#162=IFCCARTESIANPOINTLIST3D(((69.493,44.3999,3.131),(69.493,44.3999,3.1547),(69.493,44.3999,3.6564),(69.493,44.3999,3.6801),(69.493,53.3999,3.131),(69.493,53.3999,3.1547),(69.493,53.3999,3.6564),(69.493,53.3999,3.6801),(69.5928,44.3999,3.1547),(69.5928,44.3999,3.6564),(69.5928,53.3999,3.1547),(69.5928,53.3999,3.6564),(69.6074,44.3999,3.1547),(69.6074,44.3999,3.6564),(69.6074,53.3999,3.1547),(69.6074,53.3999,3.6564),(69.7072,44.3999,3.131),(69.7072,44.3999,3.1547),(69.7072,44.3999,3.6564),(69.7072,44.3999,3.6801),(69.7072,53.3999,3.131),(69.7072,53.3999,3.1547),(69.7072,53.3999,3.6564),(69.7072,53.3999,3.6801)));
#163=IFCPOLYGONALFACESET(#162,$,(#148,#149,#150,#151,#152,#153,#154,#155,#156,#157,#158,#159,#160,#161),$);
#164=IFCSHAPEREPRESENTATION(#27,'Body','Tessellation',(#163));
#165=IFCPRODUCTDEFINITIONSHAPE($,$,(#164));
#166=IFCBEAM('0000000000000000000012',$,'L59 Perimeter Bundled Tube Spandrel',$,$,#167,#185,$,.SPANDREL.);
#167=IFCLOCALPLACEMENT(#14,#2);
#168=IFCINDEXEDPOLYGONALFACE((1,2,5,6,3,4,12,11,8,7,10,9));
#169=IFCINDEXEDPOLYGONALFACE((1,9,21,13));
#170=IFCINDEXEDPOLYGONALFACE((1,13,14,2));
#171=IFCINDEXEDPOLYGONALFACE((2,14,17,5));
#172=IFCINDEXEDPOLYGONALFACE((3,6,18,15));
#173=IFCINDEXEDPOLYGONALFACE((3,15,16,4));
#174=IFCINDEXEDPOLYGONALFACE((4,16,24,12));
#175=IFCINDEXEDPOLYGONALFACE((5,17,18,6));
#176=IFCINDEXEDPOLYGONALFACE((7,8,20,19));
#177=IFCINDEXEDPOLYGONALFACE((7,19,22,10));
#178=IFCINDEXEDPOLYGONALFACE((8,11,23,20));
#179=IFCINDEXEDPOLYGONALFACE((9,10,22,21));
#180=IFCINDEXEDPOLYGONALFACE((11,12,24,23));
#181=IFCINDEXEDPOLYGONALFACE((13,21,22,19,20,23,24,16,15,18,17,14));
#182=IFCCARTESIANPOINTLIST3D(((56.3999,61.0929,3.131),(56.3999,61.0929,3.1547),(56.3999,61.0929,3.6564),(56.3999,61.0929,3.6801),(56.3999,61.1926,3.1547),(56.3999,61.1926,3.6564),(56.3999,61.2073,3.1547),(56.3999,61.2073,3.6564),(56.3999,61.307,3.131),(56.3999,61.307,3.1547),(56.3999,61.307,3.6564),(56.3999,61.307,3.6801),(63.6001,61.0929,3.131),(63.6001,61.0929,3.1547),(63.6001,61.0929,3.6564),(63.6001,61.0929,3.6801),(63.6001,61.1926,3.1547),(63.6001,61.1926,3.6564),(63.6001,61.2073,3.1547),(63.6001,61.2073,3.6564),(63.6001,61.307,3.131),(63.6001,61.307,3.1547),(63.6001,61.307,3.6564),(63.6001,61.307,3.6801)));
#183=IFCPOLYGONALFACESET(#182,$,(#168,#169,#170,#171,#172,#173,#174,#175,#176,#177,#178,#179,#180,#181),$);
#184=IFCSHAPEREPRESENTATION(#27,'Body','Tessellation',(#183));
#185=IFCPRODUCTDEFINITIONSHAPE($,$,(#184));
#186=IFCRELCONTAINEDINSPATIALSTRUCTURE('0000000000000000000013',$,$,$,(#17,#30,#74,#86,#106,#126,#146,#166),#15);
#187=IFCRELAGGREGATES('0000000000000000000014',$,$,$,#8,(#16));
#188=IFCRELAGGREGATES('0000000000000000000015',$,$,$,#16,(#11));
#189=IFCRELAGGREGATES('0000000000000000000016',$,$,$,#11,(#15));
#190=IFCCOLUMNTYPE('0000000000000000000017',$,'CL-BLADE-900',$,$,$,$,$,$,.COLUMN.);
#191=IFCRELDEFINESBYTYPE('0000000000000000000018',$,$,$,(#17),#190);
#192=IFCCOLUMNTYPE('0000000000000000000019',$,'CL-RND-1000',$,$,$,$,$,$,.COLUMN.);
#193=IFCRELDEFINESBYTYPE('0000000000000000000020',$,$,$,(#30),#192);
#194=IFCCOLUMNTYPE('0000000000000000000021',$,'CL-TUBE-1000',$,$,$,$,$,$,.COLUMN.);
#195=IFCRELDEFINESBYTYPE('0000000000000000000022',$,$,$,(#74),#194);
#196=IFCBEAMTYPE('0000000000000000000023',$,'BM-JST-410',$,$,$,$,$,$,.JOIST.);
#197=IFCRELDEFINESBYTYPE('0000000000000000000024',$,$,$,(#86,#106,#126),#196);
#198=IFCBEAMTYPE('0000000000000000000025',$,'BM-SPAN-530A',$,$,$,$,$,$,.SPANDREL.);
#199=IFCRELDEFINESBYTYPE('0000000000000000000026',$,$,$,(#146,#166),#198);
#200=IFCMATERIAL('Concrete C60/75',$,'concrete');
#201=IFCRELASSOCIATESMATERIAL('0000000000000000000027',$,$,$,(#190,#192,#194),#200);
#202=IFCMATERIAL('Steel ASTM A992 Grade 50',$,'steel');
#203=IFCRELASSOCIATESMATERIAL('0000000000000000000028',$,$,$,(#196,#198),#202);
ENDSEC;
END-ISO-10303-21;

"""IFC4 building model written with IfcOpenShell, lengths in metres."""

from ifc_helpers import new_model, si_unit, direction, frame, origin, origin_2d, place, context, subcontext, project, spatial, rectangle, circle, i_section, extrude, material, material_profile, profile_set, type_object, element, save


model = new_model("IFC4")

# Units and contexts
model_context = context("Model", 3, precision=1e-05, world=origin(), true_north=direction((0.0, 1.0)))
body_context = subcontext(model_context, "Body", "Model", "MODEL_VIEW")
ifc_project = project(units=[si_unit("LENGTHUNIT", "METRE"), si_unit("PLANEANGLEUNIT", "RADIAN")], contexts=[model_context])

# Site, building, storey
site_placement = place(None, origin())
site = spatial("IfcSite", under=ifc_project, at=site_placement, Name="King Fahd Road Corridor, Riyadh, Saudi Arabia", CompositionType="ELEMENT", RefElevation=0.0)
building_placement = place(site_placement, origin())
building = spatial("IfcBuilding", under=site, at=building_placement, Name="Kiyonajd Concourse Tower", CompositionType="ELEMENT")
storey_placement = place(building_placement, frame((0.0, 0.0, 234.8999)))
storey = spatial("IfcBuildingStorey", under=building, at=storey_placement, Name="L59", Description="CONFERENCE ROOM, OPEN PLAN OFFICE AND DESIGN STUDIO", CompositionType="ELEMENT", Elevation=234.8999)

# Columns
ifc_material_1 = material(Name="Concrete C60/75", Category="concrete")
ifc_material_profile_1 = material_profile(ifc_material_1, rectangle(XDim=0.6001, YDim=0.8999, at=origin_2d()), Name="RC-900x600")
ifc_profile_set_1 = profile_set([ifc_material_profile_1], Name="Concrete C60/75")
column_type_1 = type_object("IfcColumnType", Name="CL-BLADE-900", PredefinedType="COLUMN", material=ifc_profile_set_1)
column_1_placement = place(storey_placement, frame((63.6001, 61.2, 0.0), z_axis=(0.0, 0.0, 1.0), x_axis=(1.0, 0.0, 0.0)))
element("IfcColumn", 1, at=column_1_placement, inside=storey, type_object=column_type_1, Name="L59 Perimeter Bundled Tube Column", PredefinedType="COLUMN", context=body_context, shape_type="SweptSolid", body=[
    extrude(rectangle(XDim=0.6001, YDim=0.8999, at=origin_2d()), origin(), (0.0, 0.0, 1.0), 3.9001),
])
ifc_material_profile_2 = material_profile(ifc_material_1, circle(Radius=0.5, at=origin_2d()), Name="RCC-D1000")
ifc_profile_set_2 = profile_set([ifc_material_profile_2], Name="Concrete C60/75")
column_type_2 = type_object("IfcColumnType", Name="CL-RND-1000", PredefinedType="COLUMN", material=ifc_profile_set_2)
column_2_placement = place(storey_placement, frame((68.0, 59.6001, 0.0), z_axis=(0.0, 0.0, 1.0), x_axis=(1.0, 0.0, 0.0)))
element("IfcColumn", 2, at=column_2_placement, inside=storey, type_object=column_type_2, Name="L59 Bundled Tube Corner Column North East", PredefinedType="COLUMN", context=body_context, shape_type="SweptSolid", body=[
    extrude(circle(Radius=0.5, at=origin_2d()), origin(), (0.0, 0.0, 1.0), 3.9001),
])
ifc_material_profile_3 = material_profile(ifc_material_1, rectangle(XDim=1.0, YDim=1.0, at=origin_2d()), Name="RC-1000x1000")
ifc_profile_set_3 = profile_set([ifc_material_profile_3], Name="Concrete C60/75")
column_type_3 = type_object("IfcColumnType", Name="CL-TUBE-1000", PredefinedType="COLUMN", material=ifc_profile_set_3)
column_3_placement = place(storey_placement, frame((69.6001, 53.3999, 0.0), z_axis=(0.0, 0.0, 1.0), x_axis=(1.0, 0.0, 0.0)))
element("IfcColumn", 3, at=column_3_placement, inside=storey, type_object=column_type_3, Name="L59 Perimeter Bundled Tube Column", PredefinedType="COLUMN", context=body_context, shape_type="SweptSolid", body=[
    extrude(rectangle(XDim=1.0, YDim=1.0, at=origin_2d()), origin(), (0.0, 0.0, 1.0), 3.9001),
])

★ ★ ★ ★

**TASK DETAILS:** Beginning at the line with "#177=IFCINDEXEDPOLYGONALFACE((7,19,22,10));" and ending at the line with "#184=IFCSHAPEREPRESENTATION(#27,'Body','Tessellation',(#183));", reproduce each line of the data above exactly, and add no other lines.

**RESPONSE:**
#177=IFCINDEXEDPOLYGONALFACE((7,19,22,10));
#178=IFCINDEXEDPOLYGONALFACE((8,11,23,20));
#179=IFCINDEXEDPOLYGONALFACE((9,10,22,21));
#180=IFCINDEXEDPOLYGONALFACE((11,12,24,23));
#181=IFCINDEXEDPOLYGONALFACE((13,21,22,19,20,23,24,16,15,18,17,14));
#182=IFCCARTESIANPOINTLIST3D(((56.3999,61.0929,3.131),(56.3999,61.0929,3.1547),(56.3999,61.0929,3.6564),(56.3999,61.0929,3.6801),(56.3999,61.1926,3.1547),(56.3999,61.1926,3.6564),(56.3999,61.2073,3.1547),(56.3999,61.2073,3.6564),(56.3999,61.307,3.131),(56.3999,61.307,3.1547),(56.3999,61.307,3.6564),(56.3999,61.307,3.6801),(63.6001,61.0929,3.131),(63.6001,61.0929,3.1547),(63.6001,61.0929,3.6564),(63.6001,61.0929,3.6801),(63.6001,61.1926,3.1547),(63.6001,61.1926,3.6564),(63.6001,61.2073,3.1547),(63.6001,61.2073,3.6564),(63.6001,61.307,3.131),(63.6001,61.307,3.1547),(63.6001,61.307,3.6564),(63.6001,61.307,3.6801)));
#183=IFCPOLYGONALFACESET(#182,$,(#168,#169,#170,#171,#172,#173,#174,#175,#176,#177,#178,#179,#180,#181),$);
#184=IFCSHAPEREPRESENTATION(#27,'Body','Tessellation',(#183));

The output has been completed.